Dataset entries

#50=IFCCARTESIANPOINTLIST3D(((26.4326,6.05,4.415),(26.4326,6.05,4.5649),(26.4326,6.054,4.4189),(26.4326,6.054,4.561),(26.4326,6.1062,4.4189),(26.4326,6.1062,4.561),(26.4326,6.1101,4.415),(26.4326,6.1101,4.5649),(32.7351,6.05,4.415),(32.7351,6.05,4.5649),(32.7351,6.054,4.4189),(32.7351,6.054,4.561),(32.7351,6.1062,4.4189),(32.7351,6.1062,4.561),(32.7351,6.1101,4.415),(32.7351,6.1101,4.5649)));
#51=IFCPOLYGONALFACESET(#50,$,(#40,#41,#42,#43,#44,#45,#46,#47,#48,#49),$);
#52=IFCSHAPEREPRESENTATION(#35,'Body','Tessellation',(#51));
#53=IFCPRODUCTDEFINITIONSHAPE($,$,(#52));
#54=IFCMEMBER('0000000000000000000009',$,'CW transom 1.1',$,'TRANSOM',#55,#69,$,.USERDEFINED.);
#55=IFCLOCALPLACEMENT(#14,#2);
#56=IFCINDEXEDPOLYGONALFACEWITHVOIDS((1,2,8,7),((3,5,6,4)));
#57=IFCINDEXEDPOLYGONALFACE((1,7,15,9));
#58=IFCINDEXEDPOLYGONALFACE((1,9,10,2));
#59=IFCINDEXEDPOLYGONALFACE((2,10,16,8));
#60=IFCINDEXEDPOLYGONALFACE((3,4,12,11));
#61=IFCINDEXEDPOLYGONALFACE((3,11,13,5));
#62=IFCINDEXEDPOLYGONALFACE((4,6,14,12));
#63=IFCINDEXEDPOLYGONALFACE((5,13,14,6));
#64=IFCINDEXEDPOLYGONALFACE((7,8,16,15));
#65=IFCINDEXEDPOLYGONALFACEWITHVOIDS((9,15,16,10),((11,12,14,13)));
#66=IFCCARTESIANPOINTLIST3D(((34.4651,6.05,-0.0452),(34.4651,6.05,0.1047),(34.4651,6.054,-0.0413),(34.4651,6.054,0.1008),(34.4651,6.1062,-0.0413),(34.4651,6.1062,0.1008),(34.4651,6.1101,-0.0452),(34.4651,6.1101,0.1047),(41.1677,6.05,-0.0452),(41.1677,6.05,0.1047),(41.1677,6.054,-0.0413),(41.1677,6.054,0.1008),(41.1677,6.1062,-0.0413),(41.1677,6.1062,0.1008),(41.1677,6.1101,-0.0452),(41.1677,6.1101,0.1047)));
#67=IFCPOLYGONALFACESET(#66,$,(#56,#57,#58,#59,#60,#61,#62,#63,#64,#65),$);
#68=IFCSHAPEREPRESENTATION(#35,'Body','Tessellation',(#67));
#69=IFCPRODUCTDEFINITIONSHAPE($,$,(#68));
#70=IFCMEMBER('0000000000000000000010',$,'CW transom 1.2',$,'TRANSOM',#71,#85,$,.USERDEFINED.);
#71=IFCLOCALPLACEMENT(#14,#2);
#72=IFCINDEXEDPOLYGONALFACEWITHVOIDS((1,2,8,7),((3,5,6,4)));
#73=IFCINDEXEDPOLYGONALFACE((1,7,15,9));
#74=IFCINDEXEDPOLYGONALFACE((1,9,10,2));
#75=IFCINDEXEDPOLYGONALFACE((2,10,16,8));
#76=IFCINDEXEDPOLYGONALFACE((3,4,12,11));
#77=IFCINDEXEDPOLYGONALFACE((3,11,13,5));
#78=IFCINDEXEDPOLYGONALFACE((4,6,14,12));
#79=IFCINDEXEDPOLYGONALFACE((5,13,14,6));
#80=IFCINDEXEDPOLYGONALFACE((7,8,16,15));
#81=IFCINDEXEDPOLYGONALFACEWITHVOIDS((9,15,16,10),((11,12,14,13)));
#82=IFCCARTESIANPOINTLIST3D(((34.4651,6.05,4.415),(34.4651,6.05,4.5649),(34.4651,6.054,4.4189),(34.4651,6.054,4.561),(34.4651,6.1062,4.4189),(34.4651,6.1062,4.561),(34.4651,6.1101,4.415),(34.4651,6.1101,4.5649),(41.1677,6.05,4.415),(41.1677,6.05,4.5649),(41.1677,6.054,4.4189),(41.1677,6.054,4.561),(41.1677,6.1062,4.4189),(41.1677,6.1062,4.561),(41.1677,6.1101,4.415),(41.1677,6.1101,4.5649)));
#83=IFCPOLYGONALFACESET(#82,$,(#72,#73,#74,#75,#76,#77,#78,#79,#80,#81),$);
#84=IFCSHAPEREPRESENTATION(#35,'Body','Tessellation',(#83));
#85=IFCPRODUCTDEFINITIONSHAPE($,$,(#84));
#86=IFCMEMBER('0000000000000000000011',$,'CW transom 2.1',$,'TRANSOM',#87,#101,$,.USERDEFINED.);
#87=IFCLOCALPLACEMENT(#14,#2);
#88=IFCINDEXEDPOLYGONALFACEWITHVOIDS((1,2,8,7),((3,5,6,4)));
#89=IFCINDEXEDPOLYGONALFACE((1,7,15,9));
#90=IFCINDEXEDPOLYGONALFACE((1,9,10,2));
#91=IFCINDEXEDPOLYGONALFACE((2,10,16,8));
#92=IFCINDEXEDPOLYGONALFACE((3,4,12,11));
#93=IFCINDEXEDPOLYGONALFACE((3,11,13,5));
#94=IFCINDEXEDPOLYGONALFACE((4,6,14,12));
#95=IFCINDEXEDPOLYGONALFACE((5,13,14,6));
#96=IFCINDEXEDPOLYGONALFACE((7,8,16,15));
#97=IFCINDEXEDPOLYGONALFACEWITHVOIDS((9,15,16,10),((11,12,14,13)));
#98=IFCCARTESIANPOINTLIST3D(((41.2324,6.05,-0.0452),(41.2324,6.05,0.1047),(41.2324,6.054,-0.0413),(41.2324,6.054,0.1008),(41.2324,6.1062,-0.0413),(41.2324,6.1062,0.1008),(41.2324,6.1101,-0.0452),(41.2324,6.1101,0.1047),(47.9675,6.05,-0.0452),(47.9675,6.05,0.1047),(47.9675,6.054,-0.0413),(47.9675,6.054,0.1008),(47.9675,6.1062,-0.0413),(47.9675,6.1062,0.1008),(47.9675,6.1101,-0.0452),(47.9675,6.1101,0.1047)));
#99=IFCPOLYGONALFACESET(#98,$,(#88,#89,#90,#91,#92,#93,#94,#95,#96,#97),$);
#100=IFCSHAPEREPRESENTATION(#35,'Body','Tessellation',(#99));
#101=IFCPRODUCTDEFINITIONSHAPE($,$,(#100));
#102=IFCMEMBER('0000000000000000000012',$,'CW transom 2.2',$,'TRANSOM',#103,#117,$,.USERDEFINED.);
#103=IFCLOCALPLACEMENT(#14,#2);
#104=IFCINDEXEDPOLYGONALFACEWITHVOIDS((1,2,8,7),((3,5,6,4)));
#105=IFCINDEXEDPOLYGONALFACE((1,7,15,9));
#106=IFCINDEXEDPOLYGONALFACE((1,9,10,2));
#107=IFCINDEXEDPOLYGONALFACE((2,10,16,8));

■ THE PROBLEM: When copying the data above, keep every line exactly as written.

■ EXERCISE OUTPUT:
#50=IFCCARTESIANPOINTLIST3D(((26.4326,6.05,4.415),(26.4326,6.05,4.5649),(26.4326,6.054,4.4189),(26.4326,6.054,4.561),(26.4326,6.1062,4.4189),(26.4326,6.1062,4.561),(26.4326,6.1101,4.415),(26.4326,6.1101,4.5649),(32.7351,6.05,4.415),(32.7351,6.05,4.5649),(32.7351,6.054,4.4189),(32.7351,6.054,4.561),(32.7351,6.1062,4.4189),(32.7351,6.1062,4.561),(32.7351,6.1101,4.415),(32.7351,6.1101,4.5649)));
#51=IFCPOLYGONALFACESET(#50,$,(#40,#41,#42,#43,#44,#45,#46,#47,#48,#49),$);
#52=IFCSHAPEREPRESENTATION(#35,'Body','Tessellation',(#51));
#53=IFCPRODUCTDEFINITIONSHAPE($,$,(#52));
#54=IFCMEMBER('0000000000000000000009',$,'CW transom 1.1',$,'TRANSOM',#55,#69,$,.USERDEFINED.);
#55=IFCLOCALPLACEMENT(#14,#2);
#56=IFCINDEXEDPOLYGONALFACEWITHVOIDS((1,2,8,7),((3,5,6,4)));
#57=IFCINDEXEDPOLYGONALFACE((1,7,15,9));
#58=IFCINDEXEDPOLYGONALFACE((1,9,10,2));
#59=IFCINDEXEDPOLYGONALFACE((2,10,16,8));
#60=IFCINDEXEDPOLYGONALFACE((3,4,12,11));
#61=IFCINDEXEDPOLYGONALFACE((3,11,13,5));
#62=IFCINDEXEDPOLYGONALFACE((4,6,14,12));
#63=IFCINDEXEDPOLYGONALFACE((5,13,14,6));
#64=IFCINDEXEDPOLYGONALFACE((7,8,16,15));
#65=IFCINDEXEDPOLYGONALFACEWITHVOIDS((9,15,16,10),((11,12,14,13)));
#66=IFCCARTESIANPOINTLIST3D(((34.4651,6.05,-0.0452),(34.4651,6.05,0.1047),(34.4651,6.054,-0.0413),(34.4651,6.054,0.1008),(34.4651,6.1062,-0.0413),(34.4651,6.1062,0.1008),(34.4651,6.1101,-0.0452),(34.4651,6.1101,0.1047),(41.1677,6.05,-0.0452),(41.1677,6.05,0.1047),(41.1677,6.054,-0.0413),(41.1677,6.054,0.1008),(41.1677,6.1062,-0.0413),(41.1677,6.1062,0.1008),(41.1677,6.1101,-0.0452),(41.1677,6.1101,0.1047)));
#67=IFCPOLYGONALFACESET(#66,$,(#56,#57,#58,#59,#60,#61,#62,#63,#64,#65),$);
#68=IFCSHAPEREPRESENTATION(#35,'Body','Tessellation',(#67));
#69=IFCPRODUCTDEFINITIONSHAPE($,$,(#68));
#70=IFCMEMBER('0000000000000000000010',$,'CW transom 1.2',$,'TRANSOM',#71,#85,$,.USERDEFINED.);
#71=IFCLOCALPLACEMENT(#14,#2);
#72=IFCINDEXEDPOLYGONALFACEWITHVOIDS((1,2,8,7),((3,5,6,4)));
#73=IFCINDEXEDPOLYGONALFACE((1,7,15,9));
#74=IFCINDEXEDPOLYGONALFACE((1,9,10,2));
#75=IFCINDEXEDPOLYGONALFACE((2,10,16,8));
#76=IFCINDEXEDPOLYGONALFACE((3,4,12,11));
#77=IFCINDEXEDPOLYGONALFACE((3,11,13,5));
#78=IFCINDEXEDPOLYGONALFACE((4,6,14,12));
#79=IFCINDEXEDPOLYGONALFACE((5,13,14,6));
#80=IFCINDEXEDPOLYGONALFACE((7,8,16,15));
#81=IFCINDEXEDPOLYGONALFACEWITHVOIDS((9,15,16,10),((11,12,14,13)));
#82=IFCCARTESIANPOINTLIST3D(((34.4651,6.05,4.415),(34.4651,6.05,4.5649),(34.4651,6.054,4.4189),(34.4651,6.054,4.561),(34.4651,6.1062,4.4189),(34.4651,6.1062,4.561),(34.4651,6.1101,4.415),(34.4651,6.1101,4.5649),(41.1677,6.05,4.415),(41.1677,6.05,4.5649),(41.1677,6.054,4.4189),(41.1677,6.054,4.561),(41.1677,6.1062,4.4189),(41.1677,6.1062,4.561),(41.1677,6.1101,4.415),(41.1677,6.1101,4.5649)));
#83=IFCPOLYGONALFACESET(#82,$,(#72,#73,#74,#75,#76,#77,#78,#79,#80,#81),$);
#84=IFCSHAPEREPRESENTATION(#35,'Body','Tessellation',(#83));
#85=IFCPRODUCTDEFINITIONSHAPE($,$,(#84));
#86=IFCMEMBER('0000000000000000000011',$,'CW transom 2.1',$,'TRANSOM',#87,#101,$,.USERDEFINED.);
#87=IFCLOCALPLACEMENT(#14,#2);
#88=IFCINDEXEDPOLYGONALFACEWITHVOIDS((1,2,8,7),((3,5,6,4)));
#89=IFCINDEXEDPOLYGONALFACE((1,7,15,9));
#90=IFCINDEXEDPOLYGONALFACE((1,9,10,2));
#91=IFCINDEXEDPOLYGONALFACE((2,10,16,8));
#92=IFCINDEXEDPOLYGONALFACE((3,4,12,11));
#93=IFCINDEXEDPOLYGONALFACE((3,11,13,5));
#94=IFCINDEXEDPOLYGONALFACE((4,6,14,12));
#95=IFCINDEXEDPOLYGONALFACE((5,13,14,6));
#96=IFCINDEXEDPOLYGONALFACE((7,8,16,15));
#97=IFCINDEXEDPOLYGONALFACEWITHVOIDS((9,15,16,10),((11,12,14,13)));
#98=IFCCARTESIANPOINTLIST3D(((41.2324,6.05,-0.0452),(41.2324,6.05,0.1047),(41.2324,6.054,-0.0413),(41.2324,6.054,0.1008),(41.2324,6.1062,-0.0413),(41.2324,6.1062,0.1008),(41.2324,6.1101,-0.0452),(41.2324,6.1101,0.1047),(47.9675,6.05,-0.0452),(47.9675,6.05,0.1047),(47.9675,6.054,-0.0413),(47.9675,6.054,0.1008),(47.9675,6.1062,-0.0413),(47.9675,6.1062,0.1008),(47.9675,6.1101,-0.0452),(47.9675,6.1101,0.1047)));
#99=IFCPOLYGONALFACESET(#98,$,(#88,#89,#90,#91,#92,#93,#94,#95,#96,#97),$);
#100=IFCSHAPEREPRESENTATION(#35,'Body','Tessellation',(#99));
#101=IFCPRODUCTDEFINITIONSHAPE($,$,(#100));
#102=IFCMEMBER('0000000000000000000012',$,'CW transom 2.2',$,'TRANSOM',#103,#117,$,.USERDEFINED.);
#103=IFCLOCALPLACEMENT(#14,#2);
#104=IFCINDEXEDPOLYGONALFACEWITHVOIDS((1,2,8,7),((3,5,6,4)));
#105=IFCINDEXEDPOLYGONALFACE((1,7,15,9));
#106=IFCINDEXEDPOLYGONALFACE((1,9,10,2));
#107=IFCINDEXEDPOLYGONALFACE((2,10,16,8));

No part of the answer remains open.